§ Aim of the task: Beginning with the line where "frame((0.0, 0.0, 21.76)))" occurs, set down each line of the records through the final one, exactly and without additions.
(Records shown Opens)
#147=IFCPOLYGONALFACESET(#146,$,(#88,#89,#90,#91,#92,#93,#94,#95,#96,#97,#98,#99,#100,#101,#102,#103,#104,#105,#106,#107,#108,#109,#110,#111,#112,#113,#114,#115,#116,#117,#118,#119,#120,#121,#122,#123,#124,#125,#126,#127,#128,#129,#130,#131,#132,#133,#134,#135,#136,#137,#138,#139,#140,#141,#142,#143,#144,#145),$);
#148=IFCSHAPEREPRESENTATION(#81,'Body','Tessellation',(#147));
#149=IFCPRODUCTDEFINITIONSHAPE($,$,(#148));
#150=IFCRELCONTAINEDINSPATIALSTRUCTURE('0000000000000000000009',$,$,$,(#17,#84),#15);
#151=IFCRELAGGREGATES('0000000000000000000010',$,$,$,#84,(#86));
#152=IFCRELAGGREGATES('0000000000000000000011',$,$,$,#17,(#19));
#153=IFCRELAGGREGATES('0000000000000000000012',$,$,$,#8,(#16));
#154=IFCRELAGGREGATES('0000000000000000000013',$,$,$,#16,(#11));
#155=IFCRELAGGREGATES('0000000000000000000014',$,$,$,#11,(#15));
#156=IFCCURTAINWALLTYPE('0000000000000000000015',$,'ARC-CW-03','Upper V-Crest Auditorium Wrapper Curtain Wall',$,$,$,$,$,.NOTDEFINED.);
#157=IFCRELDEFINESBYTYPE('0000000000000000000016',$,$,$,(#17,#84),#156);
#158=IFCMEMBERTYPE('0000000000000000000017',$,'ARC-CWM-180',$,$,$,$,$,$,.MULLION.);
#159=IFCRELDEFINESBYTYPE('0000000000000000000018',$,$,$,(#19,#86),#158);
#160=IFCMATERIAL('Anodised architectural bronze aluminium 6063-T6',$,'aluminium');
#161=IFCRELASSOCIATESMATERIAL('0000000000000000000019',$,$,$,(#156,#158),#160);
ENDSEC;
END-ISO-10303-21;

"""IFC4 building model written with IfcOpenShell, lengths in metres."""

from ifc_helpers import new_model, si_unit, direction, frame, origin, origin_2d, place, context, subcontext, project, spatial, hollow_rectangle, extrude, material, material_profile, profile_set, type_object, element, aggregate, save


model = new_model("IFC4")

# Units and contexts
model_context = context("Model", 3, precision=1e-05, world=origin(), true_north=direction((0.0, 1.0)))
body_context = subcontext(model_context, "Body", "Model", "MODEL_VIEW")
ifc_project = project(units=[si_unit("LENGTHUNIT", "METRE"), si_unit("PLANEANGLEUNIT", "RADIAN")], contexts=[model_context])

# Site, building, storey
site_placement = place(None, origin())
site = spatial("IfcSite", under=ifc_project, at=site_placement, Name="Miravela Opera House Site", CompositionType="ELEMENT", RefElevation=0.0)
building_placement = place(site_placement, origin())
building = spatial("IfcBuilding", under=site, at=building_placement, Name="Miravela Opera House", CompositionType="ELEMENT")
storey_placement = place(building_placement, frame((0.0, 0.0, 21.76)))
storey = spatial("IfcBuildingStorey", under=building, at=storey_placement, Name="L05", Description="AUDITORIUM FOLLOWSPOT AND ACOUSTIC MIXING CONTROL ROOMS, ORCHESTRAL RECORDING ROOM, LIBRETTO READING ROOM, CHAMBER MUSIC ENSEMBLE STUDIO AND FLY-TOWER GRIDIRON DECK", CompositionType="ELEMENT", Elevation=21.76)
(Records shown Closes)
§ Answer for this exercise:
storey_placement = place(building_placement, frame((0.0, 0.0, 21.76)))
storey = spatial("IfcBuildingStorey", under=building, at=storey_placement, Name="L05", Description="AUDITORIUM FOLLOWSPOT AND ACOUSTIC MIXING CONTROL ROOMS, ORCHESTRAL RECORDING ROOM, LIBRETTO READING ROOM, CHAMBER MUSIC ENSEMBLE STUDIO AND FLY-TOWER GRIDIRON DECK", CompositionType="ELEMENT", Elevation=21.76)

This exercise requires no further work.